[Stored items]
'''
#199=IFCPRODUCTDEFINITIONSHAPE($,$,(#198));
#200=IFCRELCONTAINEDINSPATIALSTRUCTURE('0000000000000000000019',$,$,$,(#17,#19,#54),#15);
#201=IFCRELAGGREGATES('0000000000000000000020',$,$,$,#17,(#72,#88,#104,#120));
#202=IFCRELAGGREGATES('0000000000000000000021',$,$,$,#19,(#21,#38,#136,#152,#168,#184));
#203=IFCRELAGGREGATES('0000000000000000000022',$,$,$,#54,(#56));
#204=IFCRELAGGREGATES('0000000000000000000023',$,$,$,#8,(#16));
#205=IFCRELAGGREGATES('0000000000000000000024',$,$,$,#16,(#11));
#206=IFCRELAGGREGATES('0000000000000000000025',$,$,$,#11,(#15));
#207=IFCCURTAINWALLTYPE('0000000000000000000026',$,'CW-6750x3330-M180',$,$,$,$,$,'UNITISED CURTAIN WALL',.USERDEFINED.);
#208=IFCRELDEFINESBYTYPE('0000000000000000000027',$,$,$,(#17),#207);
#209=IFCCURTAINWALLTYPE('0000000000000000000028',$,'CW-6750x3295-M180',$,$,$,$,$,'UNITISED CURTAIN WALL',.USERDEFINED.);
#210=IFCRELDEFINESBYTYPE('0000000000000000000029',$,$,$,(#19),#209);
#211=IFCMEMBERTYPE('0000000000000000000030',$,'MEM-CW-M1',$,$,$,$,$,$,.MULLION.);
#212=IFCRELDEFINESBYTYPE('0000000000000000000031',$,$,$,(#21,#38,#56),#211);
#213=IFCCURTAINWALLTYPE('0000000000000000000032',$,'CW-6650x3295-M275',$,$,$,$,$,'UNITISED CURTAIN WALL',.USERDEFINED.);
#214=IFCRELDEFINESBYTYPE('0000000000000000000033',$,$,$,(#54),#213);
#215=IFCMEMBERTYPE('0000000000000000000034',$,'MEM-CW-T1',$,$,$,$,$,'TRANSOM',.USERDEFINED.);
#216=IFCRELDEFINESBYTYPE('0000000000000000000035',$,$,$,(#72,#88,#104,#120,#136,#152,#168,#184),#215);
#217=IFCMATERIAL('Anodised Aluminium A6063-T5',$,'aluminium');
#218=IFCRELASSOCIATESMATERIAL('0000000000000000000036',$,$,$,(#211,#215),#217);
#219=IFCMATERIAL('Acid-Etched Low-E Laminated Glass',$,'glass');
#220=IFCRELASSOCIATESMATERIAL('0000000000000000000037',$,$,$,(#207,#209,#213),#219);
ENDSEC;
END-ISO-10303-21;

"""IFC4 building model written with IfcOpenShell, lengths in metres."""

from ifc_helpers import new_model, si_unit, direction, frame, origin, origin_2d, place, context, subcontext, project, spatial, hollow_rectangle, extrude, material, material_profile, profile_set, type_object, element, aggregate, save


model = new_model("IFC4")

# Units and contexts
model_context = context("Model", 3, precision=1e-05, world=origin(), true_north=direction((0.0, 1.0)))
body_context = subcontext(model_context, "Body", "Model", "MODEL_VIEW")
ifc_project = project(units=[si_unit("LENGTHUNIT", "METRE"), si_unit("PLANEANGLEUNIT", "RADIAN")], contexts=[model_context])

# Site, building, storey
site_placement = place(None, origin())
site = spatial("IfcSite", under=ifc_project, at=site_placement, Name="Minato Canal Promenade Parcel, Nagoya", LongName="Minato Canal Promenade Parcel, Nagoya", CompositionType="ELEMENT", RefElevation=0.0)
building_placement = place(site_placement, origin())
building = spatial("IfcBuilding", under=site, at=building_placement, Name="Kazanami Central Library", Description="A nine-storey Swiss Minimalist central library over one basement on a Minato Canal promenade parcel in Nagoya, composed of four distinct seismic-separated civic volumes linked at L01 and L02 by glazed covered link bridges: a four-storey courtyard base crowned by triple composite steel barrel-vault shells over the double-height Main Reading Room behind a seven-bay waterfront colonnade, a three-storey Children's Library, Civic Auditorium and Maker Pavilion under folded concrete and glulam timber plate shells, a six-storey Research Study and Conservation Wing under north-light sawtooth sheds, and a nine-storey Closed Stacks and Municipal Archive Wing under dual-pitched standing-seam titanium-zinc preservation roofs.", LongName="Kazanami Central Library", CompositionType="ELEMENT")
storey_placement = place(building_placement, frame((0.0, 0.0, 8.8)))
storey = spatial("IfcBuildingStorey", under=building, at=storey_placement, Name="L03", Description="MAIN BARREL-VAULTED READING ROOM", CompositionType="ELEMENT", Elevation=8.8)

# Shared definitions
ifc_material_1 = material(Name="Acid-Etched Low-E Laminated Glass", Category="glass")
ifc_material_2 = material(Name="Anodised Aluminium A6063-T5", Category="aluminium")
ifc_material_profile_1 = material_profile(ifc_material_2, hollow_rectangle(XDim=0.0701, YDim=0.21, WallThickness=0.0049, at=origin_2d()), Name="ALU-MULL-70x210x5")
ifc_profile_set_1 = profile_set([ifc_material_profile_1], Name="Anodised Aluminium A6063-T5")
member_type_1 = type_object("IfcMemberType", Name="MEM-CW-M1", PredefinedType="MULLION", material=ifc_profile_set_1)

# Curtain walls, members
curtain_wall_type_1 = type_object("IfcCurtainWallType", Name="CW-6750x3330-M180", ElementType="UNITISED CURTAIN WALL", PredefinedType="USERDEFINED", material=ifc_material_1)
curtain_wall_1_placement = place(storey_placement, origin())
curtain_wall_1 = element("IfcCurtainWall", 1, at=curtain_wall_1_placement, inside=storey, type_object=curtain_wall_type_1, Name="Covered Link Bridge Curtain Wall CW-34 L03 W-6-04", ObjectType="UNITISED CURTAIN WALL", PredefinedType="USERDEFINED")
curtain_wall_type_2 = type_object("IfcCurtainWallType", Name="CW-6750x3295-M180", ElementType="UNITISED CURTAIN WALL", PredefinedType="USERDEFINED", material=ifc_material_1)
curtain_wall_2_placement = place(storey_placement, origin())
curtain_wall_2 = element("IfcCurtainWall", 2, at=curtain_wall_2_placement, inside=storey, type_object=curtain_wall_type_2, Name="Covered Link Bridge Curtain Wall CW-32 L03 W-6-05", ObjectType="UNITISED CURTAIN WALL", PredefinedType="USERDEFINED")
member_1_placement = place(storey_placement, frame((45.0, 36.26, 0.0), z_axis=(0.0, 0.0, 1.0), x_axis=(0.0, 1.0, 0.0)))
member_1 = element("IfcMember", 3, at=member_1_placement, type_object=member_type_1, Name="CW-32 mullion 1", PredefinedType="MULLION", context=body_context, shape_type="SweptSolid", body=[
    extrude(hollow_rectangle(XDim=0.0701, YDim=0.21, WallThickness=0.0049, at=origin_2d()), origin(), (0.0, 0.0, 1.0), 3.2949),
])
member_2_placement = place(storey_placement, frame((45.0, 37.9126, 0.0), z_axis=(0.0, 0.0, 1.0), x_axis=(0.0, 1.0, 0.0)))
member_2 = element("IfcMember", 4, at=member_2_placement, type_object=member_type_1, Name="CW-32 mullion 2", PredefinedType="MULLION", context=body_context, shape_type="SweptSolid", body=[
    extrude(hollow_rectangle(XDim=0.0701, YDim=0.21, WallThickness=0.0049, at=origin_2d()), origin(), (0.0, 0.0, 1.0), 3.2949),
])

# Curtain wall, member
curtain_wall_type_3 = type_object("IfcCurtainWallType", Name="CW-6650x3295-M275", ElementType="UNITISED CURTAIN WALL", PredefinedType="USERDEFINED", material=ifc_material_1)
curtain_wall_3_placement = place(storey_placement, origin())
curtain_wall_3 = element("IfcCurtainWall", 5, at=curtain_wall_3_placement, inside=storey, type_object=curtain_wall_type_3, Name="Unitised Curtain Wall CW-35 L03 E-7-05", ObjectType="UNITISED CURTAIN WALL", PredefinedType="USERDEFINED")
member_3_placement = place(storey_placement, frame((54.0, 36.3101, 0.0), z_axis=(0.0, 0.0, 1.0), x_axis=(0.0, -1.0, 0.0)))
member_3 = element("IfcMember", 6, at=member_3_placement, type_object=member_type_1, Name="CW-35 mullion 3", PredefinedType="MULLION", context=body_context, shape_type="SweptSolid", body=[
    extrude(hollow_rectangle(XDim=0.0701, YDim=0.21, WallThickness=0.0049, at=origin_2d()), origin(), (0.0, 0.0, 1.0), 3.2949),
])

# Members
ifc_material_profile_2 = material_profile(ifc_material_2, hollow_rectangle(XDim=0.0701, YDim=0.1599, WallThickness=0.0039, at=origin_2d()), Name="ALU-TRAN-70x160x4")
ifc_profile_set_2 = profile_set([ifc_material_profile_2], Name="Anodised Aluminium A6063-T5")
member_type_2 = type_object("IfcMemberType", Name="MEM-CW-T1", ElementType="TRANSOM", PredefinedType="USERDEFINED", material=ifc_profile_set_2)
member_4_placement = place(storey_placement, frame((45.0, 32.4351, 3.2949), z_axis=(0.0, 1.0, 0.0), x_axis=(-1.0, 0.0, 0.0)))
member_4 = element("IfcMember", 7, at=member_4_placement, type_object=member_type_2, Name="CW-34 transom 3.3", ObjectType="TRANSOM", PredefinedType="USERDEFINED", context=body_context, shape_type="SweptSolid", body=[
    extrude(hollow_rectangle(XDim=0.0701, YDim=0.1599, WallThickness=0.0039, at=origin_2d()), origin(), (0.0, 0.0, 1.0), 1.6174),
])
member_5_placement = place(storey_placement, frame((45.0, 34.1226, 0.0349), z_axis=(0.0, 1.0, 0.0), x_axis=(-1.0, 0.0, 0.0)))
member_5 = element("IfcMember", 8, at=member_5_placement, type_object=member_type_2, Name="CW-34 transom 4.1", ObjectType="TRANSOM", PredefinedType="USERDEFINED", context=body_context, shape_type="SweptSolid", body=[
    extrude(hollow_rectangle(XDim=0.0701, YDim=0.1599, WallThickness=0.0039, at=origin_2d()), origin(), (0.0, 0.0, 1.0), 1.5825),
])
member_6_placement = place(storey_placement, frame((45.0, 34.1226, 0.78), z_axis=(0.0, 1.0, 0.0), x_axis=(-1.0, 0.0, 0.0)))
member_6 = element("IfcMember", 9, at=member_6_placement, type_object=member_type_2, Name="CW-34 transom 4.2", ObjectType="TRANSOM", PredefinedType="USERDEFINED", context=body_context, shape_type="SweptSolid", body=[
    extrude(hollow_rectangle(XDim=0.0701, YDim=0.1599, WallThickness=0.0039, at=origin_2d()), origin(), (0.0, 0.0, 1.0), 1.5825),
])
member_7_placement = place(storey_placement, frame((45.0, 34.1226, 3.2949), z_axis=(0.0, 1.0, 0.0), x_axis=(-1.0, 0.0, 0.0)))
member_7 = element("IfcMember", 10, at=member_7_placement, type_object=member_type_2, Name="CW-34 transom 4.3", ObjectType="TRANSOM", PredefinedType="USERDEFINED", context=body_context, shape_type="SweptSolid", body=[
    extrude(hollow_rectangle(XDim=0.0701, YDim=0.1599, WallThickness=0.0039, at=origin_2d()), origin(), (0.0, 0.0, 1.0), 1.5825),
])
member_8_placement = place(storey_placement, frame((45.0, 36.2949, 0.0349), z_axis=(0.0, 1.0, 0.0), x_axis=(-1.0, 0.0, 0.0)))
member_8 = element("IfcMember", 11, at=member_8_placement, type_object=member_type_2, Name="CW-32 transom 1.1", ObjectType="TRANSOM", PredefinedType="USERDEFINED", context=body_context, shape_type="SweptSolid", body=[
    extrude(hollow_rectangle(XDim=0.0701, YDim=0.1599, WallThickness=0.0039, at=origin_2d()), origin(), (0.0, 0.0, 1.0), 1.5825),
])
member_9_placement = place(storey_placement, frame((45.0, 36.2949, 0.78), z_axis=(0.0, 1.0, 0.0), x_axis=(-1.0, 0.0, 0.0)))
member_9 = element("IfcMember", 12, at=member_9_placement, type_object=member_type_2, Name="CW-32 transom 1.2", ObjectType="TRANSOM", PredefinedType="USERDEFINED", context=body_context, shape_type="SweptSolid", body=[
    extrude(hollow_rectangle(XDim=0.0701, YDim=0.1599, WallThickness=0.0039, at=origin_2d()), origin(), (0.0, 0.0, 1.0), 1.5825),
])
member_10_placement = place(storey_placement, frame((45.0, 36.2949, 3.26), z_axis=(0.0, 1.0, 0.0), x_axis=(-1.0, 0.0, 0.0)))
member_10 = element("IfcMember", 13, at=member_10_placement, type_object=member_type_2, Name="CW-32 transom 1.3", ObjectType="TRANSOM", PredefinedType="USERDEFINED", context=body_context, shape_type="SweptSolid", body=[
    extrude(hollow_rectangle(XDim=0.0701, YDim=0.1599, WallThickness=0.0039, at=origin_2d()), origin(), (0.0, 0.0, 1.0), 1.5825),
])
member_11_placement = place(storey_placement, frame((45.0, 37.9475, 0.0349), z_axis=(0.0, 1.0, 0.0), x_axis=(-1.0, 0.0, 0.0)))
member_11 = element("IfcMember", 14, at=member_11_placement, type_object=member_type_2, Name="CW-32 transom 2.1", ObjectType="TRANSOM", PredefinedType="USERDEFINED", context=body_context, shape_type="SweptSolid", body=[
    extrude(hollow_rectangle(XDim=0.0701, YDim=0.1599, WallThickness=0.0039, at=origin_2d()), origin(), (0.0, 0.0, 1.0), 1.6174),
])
'''
• EXERCISE OBJECTIVE
Using the records above, select and copy every line that has the word "glass".

• WRITTEN ANSWER
#219=IFCMATERIAL('Acid-Etched Low-E Laminated Glass',$,'glass');
ifc_material_1 = material(Name="Acid-Etched Low-E Laminated Glass", Category="glass")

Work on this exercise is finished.